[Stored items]
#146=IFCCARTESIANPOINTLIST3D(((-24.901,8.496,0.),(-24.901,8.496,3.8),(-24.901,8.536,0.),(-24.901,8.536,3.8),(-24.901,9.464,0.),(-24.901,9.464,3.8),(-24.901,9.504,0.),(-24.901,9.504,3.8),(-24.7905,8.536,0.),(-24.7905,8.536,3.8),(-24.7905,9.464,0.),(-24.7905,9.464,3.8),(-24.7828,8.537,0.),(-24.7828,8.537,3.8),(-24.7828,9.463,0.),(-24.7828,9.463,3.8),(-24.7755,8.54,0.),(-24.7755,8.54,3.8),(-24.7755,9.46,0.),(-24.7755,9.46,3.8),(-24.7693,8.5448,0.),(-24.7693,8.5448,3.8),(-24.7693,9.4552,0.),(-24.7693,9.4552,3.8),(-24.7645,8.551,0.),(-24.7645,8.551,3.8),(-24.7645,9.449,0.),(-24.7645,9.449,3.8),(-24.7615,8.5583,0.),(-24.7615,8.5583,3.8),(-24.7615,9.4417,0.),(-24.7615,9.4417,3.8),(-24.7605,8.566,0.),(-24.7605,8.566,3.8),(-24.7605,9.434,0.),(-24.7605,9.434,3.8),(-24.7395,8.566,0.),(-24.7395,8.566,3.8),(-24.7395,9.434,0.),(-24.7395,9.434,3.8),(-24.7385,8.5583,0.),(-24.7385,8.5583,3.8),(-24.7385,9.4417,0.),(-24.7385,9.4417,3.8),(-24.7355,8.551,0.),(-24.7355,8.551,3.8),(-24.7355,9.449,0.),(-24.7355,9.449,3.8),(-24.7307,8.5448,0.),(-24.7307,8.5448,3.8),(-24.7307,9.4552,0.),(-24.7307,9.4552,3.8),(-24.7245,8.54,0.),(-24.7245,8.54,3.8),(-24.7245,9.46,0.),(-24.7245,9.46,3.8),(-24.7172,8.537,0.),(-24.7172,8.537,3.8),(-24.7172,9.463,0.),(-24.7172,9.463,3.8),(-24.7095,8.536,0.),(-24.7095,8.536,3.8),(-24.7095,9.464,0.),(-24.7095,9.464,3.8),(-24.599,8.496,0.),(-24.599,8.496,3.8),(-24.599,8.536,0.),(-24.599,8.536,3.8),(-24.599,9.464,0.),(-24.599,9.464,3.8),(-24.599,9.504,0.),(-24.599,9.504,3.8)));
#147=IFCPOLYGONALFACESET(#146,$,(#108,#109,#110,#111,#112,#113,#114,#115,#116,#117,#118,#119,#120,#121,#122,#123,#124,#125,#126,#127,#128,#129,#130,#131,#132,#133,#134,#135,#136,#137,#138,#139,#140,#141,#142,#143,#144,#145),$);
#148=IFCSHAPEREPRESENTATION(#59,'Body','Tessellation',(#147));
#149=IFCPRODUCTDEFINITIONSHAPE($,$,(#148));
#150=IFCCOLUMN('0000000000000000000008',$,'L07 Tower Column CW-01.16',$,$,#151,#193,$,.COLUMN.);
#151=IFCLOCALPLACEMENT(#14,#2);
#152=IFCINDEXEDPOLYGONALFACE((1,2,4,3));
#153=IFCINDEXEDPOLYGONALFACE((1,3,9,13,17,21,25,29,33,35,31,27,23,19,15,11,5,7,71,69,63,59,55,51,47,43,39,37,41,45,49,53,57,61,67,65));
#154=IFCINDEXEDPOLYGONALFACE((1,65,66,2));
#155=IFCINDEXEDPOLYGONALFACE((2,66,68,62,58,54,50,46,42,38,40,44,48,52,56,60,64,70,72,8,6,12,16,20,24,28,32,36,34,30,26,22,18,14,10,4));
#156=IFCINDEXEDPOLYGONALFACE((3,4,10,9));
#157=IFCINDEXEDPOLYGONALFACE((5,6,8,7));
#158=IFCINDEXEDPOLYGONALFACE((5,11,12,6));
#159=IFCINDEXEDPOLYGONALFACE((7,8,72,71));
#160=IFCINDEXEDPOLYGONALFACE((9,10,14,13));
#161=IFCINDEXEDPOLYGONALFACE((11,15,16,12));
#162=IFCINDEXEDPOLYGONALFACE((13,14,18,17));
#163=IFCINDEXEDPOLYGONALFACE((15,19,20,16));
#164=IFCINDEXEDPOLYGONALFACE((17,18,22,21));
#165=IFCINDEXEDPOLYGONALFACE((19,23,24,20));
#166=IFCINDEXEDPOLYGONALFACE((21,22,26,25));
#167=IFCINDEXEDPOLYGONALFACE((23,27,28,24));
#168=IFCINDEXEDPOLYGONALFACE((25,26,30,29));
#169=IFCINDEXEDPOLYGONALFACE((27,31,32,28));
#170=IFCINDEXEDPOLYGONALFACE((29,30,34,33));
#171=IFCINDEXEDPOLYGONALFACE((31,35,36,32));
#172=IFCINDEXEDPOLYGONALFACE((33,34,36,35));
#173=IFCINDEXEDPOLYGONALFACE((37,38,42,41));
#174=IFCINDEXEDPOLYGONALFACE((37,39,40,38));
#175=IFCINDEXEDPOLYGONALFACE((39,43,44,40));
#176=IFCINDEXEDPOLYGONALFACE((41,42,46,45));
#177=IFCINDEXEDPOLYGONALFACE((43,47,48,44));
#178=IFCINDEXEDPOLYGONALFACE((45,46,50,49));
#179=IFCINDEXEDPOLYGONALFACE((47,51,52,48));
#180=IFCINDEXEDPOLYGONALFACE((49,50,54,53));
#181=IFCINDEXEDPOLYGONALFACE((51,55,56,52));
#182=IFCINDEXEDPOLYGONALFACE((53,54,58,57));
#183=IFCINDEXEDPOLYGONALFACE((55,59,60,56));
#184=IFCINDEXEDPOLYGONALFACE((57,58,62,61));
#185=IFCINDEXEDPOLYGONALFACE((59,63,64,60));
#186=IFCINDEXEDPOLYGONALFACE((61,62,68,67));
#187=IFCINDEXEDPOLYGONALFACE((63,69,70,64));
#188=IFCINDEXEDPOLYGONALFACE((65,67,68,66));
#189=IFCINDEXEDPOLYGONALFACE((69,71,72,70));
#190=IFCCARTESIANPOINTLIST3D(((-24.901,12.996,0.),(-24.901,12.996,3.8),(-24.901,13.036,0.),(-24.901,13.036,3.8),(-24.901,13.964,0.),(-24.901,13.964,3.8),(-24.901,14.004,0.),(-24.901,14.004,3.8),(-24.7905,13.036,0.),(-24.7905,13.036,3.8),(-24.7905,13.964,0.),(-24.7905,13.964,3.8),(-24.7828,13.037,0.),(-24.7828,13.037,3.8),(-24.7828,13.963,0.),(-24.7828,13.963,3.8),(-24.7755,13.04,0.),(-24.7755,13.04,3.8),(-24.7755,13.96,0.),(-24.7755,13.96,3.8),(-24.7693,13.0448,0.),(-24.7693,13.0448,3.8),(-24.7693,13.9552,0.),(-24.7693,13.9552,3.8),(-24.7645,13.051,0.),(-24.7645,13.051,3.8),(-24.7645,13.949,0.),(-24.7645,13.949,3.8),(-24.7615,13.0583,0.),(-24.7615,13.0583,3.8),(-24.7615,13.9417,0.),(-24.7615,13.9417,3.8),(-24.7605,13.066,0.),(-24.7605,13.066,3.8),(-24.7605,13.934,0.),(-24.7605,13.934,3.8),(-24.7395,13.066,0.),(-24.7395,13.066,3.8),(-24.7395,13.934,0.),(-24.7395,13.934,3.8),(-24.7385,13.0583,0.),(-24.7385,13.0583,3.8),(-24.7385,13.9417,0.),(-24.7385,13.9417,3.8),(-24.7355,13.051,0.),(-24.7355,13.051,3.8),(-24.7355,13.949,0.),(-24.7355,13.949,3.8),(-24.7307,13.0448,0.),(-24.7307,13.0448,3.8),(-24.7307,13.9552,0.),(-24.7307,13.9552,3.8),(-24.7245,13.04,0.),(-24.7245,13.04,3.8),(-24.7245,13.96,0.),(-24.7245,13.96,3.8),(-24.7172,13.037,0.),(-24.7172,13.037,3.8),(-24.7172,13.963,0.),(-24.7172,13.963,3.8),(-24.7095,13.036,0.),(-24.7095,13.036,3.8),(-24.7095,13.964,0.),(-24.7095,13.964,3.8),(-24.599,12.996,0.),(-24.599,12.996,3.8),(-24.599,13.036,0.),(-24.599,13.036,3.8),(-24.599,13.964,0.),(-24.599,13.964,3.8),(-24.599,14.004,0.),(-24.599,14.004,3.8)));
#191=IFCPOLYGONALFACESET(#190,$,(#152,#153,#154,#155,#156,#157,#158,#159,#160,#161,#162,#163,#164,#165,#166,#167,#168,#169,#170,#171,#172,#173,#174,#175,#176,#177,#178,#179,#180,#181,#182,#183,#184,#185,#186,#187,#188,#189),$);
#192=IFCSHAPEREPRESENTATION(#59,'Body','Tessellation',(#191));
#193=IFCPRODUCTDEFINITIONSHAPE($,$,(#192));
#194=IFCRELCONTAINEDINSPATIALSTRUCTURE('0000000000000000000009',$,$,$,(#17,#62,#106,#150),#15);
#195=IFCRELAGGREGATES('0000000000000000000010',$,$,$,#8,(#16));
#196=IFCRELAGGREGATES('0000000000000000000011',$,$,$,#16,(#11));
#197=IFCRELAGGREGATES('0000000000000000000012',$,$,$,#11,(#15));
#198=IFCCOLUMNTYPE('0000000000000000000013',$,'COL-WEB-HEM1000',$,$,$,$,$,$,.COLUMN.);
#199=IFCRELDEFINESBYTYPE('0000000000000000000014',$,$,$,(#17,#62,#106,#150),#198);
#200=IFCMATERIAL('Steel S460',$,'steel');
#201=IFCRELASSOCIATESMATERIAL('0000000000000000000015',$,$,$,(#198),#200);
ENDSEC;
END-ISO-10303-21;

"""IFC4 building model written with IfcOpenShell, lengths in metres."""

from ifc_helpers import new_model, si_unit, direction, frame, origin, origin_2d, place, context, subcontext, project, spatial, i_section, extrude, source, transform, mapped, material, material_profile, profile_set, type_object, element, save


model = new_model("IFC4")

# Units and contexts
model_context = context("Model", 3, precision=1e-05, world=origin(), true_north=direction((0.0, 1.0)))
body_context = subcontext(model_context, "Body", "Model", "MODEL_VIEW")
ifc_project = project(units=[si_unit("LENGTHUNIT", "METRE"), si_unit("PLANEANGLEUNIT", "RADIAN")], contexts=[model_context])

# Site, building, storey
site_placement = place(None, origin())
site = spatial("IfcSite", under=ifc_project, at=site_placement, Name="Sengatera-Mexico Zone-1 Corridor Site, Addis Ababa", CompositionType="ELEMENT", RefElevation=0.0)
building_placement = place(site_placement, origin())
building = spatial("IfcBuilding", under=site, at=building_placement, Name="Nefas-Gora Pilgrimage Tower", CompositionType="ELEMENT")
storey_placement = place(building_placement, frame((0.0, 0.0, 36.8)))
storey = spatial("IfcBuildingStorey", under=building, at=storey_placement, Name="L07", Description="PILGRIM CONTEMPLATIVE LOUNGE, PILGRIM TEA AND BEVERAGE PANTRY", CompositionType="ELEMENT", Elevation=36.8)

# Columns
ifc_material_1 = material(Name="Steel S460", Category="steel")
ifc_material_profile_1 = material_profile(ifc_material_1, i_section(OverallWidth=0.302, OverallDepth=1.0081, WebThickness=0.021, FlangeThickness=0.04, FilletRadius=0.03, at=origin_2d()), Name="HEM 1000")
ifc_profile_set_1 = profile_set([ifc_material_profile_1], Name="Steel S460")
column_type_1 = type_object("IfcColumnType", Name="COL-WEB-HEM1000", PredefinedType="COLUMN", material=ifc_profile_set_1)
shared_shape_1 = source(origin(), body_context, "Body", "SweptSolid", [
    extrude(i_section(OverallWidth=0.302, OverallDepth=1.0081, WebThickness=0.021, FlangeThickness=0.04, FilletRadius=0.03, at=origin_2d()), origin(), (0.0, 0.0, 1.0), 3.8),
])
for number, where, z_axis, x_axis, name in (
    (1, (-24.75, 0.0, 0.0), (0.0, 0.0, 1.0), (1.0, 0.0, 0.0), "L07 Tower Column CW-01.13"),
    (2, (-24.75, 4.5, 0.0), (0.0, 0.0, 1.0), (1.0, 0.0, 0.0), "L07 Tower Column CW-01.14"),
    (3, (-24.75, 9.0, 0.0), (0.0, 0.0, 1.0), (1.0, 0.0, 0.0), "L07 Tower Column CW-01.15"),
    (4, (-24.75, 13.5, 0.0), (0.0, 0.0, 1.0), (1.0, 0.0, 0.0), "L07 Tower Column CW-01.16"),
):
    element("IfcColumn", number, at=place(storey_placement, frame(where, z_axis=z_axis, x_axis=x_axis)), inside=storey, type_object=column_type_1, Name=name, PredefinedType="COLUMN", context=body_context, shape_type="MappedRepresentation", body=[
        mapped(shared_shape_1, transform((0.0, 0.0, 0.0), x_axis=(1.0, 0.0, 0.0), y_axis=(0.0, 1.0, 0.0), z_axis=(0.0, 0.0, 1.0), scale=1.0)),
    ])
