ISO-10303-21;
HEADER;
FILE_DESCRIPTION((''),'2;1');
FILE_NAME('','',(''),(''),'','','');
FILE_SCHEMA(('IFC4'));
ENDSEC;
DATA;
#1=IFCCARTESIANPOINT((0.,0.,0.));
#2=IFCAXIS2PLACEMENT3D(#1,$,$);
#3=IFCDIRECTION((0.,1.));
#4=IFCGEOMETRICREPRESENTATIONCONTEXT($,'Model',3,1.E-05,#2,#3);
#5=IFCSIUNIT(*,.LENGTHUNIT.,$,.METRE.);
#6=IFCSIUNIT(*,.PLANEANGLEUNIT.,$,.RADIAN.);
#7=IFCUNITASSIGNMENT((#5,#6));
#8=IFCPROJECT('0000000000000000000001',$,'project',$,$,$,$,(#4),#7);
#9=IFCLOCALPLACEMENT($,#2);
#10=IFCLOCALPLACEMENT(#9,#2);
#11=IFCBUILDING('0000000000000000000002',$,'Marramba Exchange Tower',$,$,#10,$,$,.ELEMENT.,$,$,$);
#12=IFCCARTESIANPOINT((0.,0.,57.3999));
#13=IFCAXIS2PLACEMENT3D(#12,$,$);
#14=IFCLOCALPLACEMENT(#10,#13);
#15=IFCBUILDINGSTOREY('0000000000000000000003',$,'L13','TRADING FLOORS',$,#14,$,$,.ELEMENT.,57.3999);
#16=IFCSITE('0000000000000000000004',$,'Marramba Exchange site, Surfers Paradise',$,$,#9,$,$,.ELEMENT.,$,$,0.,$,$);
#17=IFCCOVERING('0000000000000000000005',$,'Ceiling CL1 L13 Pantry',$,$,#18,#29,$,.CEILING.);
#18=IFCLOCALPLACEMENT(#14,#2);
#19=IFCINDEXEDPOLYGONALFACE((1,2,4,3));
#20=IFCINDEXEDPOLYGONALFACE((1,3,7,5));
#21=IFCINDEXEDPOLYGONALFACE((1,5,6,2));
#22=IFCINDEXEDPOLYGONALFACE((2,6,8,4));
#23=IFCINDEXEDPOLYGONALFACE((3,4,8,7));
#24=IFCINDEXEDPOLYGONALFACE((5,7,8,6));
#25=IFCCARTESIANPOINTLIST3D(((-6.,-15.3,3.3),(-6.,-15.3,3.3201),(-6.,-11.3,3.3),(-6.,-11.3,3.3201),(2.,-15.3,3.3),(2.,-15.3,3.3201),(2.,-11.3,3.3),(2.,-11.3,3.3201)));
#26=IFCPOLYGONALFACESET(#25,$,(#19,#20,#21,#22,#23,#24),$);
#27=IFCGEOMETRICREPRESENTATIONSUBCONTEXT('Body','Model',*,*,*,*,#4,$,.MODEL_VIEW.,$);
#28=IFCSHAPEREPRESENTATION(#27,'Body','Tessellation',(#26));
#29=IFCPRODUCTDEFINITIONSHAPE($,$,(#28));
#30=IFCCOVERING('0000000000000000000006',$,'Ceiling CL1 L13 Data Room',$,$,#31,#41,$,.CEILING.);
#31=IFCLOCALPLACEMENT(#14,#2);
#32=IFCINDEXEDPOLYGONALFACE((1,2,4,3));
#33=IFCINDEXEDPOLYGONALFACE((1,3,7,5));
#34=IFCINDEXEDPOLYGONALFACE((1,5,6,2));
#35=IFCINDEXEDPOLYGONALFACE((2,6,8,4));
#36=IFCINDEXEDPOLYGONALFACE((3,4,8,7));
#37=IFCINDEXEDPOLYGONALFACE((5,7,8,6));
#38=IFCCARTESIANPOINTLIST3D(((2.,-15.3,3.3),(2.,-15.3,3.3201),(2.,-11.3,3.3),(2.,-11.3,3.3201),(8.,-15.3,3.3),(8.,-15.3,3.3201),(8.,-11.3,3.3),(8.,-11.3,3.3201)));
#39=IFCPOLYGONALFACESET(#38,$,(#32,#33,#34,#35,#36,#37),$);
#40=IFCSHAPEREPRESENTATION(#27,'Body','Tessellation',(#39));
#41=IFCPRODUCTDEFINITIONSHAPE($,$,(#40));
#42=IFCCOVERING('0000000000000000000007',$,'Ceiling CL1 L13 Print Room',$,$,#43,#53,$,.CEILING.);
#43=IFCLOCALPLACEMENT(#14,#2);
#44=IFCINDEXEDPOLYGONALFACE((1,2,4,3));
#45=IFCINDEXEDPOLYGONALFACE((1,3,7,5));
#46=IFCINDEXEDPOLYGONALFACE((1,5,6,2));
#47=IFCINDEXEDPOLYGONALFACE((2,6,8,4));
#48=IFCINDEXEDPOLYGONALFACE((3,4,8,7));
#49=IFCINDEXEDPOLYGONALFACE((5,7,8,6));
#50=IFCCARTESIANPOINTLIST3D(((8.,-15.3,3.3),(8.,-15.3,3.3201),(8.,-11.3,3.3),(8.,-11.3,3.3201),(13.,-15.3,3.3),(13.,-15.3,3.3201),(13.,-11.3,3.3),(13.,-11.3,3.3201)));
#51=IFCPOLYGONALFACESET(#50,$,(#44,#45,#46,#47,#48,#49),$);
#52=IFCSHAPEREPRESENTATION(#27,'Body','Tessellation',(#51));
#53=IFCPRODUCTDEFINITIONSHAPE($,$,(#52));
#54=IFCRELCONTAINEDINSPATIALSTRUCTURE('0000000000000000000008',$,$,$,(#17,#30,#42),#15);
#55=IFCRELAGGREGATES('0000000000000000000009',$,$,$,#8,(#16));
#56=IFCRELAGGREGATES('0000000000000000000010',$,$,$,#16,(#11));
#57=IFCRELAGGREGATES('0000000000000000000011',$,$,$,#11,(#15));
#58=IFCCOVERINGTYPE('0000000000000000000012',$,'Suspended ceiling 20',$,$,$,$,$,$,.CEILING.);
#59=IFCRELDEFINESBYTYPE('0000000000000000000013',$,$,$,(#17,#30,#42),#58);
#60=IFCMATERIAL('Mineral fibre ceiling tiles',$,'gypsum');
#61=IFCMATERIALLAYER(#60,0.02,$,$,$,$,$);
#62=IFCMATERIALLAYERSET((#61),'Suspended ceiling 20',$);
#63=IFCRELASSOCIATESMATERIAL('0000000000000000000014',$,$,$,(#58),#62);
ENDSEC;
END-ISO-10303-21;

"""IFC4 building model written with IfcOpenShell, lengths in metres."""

from ifc_helpers import new_model, si_unit, direction, frame, origin, place, context, subcontext, project, spatial, polyline, outline, extrude, material, layer, layer_set, type_object, element, save


model = new_model("IFC4")

# Units and contexts
model_context = context("Model", 3, precision=1e-05, world=origin(), true_north=direction((0.0, 1.0)))
body_context = subcontext(model_context, "Body", "Model", "MODEL_VIEW")
ifc_project = project(units=[si_unit("LENGTHUNIT", "METRE"), si_unit("PLANEANGLEUNIT", "RADIAN")], contexts=[model_context])

# Site, building, storey
site_placement = place(None, origin())
site = spatial("IfcSite", under=ifc_project, at=site_placement, Name="Marramba Exchange site, Surfers Paradise", CompositionType="ELEMENT", RefElevation=0.0)
building_placement = place(site_placement, origin())
building = spatial("IfcBuilding", under=site, at=building_placement, Name="Marramba Exchange Tower", CompositionType="ELEMENT")
storey_placement = place(building_placement, frame((0.0, 0.0, 57.3999)))
storey = spatial("IfcBuildingStorey", under=building, at=storey_placement, Name="L13", Description="TRADING FLOORS", CompositionType="ELEMENT", Elevation=57.3999)

# Coverings
ifc_material_1 = material(Name="Mineral fibre ceiling tiles", Category="gypsum")
ifc_layer_1 = layer(ifc_material_1, 0.02)
ifc_layer_set_1 = layer_set([ifc_layer_1], Name="Suspended ceiling 20")
covering_type_1 = type_object("IfcCoveringType", Name="Suspended ceiling 20", PredefinedType="CEILING", material=ifc_layer_set_1)
covering_1_placement = place(storey_placement, frame((0.0, 0.0, 3.3)))
element("IfcCovering", 1, at=covering_1_placement, inside=storey, type_object=covering_type_1, Name="Ceiling CL1 L13 Pantry", PredefinedType="CEILING", context=body_context, shape_type="SweptSolid", body=[
    extrude(outline(polyline([(2.0, -15.3), (-6.0, -15.3), (-6.0, -11.3), (2.0, -11.3), (2.0, -15.3)])), origin(), (0.0, 0.0, 1.0), 0.02),
])
covering_2_placement = place(storey_placement, frame((0.0, 0.0, 3.3)))
element("IfcCovering", 2, at=covering_2_placement, inside=storey, type_object=covering_type_1, Name="Ceiling CL1 L13 Data Room", PredefinedType="CEILING", context=body_context, shape_type="SweptSolid", body=[
    extrude(outline(polyline([(8.0, -15.3), (2.0, -15.3), (2.0, -11.3), (8.0, -11.3), (8.0, -15.3)])), origin(), (0.0, 0.0, 1.0), 0.02),
])
covering_3_placement = place(storey_placement, frame((0.0, 0.0, 3.3)))
element("IfcCovering", 3, at=covering_3_placement, inside=storey, type_object=covering_type_1, Name="Ceiling CL1 L13 Print Room", PredefinedType="CEILING", context=body_context, shape_type="SweptSolid", body=[
    extrude(outline(polyline([(13.0, -11.3), (13.0, -15.3), (8.0, -15.3), (8.0, -11.3), (13.0, -11.3)])), origin(), (0.0, 0.0, 1.0), 0.02),
])

save(model, "model.ifc")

What you are asked to do: Each line holding the word "where" must be copied from the data.

Output below:
for number, where, z_axis, x_axis, name in (
    element("IfcColumn", number, at=place(storey_placement, frame(where, z_axis=z_axis, x_axis=x_axis)), inside=storey, type_object=column_type_1, Name=name, PredefinedType="COLUMN", context=body_context, shape_type="MappedRepresentation", body=[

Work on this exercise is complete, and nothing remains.